Stored data:
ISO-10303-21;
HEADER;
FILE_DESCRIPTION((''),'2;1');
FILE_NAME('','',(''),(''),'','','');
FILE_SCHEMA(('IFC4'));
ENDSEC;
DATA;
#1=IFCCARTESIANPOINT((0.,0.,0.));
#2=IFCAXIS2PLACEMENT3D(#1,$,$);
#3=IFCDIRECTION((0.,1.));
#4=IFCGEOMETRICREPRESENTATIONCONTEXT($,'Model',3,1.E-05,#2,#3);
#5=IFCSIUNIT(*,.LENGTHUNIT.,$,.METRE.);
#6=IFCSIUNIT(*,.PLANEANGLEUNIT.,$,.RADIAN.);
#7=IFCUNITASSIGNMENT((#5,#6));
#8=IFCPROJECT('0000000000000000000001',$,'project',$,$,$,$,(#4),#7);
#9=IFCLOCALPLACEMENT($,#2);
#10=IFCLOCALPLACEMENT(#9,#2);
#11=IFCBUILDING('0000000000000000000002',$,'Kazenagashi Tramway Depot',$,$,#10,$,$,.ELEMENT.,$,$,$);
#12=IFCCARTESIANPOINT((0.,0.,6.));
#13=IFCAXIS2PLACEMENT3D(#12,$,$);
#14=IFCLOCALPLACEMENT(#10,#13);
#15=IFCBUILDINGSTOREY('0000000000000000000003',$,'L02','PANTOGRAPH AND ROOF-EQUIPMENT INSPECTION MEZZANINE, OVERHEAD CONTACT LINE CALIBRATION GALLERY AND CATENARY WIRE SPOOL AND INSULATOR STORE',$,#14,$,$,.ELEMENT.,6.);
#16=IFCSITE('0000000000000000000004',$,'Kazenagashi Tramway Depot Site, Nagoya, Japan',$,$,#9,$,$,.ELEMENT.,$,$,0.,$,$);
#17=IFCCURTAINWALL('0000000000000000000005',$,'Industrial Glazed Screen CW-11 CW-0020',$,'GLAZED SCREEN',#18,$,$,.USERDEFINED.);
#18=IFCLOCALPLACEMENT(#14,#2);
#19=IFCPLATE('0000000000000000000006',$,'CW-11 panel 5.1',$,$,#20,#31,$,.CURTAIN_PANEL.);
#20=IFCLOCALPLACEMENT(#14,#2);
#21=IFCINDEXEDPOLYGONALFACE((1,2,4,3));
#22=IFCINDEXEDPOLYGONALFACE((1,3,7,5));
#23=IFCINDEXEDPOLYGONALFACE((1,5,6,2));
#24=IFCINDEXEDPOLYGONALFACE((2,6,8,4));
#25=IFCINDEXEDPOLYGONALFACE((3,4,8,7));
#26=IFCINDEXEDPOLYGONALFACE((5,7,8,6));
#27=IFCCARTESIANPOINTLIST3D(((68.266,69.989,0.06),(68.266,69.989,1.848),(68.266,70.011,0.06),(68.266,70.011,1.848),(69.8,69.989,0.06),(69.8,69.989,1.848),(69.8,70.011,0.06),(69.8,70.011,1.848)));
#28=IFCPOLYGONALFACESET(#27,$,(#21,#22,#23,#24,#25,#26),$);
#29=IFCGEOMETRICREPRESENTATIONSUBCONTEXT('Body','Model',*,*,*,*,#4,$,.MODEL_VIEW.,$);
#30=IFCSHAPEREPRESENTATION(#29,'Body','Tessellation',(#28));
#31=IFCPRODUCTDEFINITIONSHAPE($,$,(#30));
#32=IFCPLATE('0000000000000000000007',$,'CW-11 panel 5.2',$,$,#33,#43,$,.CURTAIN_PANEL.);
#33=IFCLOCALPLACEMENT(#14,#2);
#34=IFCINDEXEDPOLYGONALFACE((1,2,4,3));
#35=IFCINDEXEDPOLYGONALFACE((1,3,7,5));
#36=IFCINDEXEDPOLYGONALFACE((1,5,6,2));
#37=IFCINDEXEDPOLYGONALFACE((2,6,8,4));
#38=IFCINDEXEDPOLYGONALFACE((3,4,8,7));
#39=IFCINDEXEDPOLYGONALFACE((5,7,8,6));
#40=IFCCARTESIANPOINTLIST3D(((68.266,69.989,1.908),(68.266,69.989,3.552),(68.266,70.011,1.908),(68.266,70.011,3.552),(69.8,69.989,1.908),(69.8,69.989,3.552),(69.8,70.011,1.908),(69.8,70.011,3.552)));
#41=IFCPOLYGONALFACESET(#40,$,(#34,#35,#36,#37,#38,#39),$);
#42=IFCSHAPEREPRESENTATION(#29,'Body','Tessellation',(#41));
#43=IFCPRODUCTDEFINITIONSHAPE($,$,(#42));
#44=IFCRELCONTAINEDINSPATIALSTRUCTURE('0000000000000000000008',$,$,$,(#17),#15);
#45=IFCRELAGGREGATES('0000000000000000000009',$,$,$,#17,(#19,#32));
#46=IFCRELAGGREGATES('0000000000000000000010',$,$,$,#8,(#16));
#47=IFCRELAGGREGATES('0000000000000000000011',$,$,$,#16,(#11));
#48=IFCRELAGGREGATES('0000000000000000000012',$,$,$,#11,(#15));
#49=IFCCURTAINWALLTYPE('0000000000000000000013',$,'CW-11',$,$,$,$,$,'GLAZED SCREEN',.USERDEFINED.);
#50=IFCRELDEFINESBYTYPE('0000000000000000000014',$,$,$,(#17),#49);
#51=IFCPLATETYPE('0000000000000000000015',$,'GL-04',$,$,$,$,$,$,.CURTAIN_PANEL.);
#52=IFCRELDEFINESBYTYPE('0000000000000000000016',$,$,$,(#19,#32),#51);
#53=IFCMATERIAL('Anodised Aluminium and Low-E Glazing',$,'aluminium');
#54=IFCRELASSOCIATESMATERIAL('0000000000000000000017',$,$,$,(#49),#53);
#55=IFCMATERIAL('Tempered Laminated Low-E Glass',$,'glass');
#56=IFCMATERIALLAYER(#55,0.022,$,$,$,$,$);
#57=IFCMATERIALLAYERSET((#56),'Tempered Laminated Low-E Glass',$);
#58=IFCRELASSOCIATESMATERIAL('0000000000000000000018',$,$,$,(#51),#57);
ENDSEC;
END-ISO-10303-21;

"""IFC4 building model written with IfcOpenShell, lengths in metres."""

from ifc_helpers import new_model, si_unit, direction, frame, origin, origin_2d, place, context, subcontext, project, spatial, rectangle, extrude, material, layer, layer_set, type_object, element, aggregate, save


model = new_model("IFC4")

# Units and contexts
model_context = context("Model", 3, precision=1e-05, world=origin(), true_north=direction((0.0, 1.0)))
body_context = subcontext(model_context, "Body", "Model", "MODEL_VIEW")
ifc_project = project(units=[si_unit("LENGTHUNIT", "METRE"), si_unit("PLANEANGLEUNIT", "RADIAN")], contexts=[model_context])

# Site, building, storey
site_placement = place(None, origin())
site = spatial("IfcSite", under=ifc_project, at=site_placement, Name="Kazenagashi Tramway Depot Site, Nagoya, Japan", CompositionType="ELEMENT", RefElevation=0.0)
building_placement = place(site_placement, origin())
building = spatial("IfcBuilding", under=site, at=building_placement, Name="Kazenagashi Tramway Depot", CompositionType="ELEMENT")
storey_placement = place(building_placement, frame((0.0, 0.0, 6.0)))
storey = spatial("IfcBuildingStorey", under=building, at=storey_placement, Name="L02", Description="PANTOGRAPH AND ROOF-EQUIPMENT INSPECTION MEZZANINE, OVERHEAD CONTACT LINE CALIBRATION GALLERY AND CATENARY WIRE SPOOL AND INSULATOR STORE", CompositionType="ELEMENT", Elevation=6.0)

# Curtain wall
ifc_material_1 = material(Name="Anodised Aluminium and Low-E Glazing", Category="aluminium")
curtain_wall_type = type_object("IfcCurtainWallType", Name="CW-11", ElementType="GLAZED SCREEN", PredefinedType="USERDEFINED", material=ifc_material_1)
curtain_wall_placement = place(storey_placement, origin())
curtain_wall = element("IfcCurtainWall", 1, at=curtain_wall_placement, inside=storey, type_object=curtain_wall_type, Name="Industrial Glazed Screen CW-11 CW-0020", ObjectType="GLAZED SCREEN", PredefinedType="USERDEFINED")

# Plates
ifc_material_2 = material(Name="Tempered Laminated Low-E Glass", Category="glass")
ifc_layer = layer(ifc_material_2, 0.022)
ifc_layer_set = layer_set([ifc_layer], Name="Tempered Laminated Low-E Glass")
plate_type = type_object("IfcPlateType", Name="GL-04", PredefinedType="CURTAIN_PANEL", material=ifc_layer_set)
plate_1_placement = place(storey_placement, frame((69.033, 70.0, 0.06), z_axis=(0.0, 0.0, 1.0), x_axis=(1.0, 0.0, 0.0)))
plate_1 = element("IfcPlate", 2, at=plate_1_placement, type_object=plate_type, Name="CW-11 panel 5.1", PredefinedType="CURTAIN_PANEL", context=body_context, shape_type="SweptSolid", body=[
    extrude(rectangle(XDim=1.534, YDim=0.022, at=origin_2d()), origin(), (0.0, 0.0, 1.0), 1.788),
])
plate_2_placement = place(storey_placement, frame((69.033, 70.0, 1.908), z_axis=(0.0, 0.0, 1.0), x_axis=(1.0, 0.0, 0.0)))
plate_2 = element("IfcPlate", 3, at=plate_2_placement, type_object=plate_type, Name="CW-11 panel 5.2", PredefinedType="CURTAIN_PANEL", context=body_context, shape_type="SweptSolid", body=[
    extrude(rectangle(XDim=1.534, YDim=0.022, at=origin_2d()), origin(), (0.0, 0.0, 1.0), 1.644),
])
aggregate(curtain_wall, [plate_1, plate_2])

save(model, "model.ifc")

--

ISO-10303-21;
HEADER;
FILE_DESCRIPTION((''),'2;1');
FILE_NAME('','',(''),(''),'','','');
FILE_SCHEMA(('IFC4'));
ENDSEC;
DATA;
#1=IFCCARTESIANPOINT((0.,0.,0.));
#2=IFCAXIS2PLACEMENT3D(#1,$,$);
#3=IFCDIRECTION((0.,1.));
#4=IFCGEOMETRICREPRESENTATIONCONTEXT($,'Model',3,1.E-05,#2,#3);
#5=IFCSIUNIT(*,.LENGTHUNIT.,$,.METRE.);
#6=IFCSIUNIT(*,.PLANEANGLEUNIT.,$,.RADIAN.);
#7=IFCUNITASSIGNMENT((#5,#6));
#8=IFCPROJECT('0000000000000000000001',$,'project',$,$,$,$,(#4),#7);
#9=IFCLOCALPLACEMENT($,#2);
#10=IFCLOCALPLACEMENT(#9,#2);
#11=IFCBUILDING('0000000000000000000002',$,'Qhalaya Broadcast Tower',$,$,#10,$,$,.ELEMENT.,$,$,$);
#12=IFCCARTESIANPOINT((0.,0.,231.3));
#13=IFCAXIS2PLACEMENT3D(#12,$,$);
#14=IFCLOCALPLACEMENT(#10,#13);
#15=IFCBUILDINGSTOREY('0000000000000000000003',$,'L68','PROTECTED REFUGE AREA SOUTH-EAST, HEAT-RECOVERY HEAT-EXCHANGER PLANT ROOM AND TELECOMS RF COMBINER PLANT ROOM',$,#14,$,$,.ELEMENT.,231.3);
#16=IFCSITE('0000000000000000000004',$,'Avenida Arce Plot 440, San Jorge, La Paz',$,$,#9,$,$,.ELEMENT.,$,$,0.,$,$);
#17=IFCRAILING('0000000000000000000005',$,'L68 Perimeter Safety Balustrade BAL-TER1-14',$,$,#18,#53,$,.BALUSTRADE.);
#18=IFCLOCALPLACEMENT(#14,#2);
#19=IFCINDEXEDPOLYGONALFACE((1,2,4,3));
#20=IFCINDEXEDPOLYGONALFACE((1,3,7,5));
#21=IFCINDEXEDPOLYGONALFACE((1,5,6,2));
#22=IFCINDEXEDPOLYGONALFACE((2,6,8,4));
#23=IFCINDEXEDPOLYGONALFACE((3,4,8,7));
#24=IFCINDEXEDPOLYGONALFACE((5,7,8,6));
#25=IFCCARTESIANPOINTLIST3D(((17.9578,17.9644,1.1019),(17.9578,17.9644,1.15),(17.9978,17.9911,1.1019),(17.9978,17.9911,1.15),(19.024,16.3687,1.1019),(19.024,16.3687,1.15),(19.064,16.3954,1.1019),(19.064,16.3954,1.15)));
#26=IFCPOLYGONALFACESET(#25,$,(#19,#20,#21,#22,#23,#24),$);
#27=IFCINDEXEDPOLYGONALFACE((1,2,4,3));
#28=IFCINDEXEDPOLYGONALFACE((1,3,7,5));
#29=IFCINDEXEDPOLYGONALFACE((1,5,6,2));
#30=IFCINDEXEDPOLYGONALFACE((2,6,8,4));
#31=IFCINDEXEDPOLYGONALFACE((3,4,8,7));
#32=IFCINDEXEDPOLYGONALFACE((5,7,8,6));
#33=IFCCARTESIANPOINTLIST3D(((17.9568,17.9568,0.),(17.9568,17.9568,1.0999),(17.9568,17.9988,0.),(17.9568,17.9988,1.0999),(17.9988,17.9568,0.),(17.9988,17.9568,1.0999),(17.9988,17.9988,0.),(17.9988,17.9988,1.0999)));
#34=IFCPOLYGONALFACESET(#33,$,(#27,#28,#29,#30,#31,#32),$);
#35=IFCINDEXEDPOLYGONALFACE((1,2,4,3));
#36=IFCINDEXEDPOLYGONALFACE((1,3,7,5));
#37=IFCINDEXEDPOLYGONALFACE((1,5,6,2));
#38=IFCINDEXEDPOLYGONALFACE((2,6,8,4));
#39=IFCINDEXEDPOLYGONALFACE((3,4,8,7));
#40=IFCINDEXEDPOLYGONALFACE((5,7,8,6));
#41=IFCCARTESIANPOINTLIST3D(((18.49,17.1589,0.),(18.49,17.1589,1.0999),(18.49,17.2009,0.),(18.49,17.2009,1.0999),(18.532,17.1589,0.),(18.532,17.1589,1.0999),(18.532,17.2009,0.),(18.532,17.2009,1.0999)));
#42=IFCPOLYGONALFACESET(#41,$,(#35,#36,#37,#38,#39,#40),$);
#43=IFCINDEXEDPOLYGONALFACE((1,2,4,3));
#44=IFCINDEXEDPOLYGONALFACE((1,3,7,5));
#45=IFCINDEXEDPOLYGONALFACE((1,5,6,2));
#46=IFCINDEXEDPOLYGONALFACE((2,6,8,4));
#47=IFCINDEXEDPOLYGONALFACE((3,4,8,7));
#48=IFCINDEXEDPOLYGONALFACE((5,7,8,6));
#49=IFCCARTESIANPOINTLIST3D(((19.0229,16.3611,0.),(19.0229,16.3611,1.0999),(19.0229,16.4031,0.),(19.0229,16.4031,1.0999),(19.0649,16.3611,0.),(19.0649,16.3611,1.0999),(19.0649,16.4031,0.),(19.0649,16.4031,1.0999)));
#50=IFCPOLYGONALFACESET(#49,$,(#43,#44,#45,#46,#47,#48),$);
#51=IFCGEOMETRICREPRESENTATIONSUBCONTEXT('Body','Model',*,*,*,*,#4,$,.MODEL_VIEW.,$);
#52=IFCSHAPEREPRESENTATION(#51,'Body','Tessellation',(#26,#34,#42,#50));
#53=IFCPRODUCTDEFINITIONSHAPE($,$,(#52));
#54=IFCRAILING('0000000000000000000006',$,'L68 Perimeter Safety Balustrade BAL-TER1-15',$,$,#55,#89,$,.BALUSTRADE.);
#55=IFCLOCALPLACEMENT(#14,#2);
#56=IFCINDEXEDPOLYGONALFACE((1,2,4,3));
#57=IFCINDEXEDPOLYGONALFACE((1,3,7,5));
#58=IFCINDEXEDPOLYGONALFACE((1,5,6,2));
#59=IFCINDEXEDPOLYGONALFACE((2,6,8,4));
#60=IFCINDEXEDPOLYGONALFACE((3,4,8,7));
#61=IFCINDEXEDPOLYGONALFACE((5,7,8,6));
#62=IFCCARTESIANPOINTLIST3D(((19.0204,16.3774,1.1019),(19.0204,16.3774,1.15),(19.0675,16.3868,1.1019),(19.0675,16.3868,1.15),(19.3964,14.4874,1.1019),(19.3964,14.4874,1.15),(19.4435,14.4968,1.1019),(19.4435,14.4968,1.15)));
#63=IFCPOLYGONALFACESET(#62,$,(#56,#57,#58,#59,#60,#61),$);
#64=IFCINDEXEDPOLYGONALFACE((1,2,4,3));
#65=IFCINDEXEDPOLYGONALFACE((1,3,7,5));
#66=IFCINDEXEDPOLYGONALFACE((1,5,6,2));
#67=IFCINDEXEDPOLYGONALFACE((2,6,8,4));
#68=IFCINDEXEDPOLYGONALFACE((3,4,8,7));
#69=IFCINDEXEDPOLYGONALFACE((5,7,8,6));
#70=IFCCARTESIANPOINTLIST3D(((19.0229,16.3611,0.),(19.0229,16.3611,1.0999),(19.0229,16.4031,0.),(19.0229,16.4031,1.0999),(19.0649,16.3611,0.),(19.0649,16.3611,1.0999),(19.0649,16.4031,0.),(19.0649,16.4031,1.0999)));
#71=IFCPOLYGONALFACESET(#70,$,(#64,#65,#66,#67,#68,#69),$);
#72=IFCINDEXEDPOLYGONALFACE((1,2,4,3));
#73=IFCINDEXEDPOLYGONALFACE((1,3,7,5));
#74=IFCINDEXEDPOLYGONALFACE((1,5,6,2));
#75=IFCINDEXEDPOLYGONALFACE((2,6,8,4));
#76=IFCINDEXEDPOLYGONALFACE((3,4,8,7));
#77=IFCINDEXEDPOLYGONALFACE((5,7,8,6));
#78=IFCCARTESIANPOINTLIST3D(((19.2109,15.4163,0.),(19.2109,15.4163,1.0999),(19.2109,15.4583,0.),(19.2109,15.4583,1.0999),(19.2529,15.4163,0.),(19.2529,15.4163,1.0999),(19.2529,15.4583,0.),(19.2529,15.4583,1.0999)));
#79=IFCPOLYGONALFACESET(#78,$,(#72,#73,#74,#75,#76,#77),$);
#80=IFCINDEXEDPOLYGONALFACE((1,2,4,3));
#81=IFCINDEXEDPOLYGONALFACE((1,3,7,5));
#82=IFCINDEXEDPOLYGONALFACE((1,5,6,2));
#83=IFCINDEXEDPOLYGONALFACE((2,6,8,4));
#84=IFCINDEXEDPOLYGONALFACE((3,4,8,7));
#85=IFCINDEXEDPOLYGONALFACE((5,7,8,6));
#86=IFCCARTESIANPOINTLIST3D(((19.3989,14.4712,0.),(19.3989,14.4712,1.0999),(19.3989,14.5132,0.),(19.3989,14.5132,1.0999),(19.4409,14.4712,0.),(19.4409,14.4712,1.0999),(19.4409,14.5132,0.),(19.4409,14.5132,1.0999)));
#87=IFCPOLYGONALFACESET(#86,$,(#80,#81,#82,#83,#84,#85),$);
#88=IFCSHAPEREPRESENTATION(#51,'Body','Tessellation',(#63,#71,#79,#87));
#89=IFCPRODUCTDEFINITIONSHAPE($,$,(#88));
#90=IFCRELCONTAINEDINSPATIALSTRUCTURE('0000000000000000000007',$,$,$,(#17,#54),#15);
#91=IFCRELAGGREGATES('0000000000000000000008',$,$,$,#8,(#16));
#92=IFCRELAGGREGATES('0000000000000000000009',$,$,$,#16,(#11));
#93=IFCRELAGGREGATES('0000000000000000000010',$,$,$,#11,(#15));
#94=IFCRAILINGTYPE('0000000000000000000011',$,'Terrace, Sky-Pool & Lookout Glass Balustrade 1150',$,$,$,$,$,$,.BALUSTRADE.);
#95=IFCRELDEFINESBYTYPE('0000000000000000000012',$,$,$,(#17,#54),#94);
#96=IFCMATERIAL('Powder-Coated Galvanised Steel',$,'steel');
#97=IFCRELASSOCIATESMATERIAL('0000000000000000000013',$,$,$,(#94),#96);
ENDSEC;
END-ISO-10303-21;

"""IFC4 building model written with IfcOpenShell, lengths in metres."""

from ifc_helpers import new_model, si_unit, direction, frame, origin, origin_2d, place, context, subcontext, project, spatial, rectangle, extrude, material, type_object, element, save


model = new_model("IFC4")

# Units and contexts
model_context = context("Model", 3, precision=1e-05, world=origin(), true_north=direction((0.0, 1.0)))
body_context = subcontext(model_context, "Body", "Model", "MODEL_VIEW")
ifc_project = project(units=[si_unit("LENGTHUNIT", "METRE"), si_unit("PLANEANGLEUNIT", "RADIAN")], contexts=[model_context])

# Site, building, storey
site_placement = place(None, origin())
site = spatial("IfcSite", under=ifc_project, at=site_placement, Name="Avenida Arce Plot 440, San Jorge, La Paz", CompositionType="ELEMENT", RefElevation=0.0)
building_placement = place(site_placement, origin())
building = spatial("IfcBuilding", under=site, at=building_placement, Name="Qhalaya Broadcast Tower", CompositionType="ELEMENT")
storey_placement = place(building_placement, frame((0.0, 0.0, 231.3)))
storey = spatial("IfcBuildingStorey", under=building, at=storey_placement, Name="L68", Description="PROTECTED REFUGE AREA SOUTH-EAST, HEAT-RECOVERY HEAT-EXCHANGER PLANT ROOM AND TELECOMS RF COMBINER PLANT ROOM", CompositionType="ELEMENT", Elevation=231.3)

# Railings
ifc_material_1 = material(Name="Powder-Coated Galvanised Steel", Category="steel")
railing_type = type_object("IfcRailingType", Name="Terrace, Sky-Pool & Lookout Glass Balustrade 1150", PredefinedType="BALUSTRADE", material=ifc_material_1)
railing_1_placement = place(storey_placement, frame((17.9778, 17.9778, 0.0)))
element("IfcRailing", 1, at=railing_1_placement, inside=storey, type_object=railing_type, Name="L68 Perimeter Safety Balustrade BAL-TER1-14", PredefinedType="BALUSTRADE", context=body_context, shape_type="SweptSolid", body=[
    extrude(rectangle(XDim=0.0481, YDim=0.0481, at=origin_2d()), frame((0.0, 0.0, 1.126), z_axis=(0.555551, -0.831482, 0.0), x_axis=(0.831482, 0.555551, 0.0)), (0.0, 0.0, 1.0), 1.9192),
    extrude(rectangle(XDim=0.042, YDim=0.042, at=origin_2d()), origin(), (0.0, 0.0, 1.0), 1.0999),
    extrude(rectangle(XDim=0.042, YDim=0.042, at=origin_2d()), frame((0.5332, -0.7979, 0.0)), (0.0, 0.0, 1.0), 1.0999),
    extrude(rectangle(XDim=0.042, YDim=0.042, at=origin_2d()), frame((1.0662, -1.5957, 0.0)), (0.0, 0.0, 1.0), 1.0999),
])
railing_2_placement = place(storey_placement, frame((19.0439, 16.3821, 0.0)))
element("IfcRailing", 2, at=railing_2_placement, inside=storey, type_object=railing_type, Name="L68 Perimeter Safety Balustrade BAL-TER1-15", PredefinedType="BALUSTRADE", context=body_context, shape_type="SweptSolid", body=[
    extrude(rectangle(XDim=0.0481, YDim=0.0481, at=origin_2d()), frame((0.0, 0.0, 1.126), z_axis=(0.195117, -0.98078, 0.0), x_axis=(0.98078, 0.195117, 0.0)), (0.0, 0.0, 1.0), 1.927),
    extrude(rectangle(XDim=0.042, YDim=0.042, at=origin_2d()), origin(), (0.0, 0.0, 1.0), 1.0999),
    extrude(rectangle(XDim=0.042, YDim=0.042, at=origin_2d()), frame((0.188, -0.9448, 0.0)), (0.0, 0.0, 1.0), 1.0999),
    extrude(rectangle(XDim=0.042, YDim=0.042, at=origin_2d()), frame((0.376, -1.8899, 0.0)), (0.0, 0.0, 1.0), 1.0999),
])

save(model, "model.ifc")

Aim of the exercise:
Using the data above, copy each line that contains "IFCSHAPEREPRESENTATION".

Result below:
#30=IFCSHAPEREPRESENTATION(#29,'Body','Tessellation',(#28));
#42=IFCSHAPEREPRESENTATION(#29,'Body','Tessellation',(#41));
#52=IFCSHAPEREPRESENTATION(#51,'Body','Tessellation',(#26,#34,#42,#50));
#88=IFCSHAPEREPRESENTATION(#51,'Body','Tessellation',(#63,#71,#79,#87));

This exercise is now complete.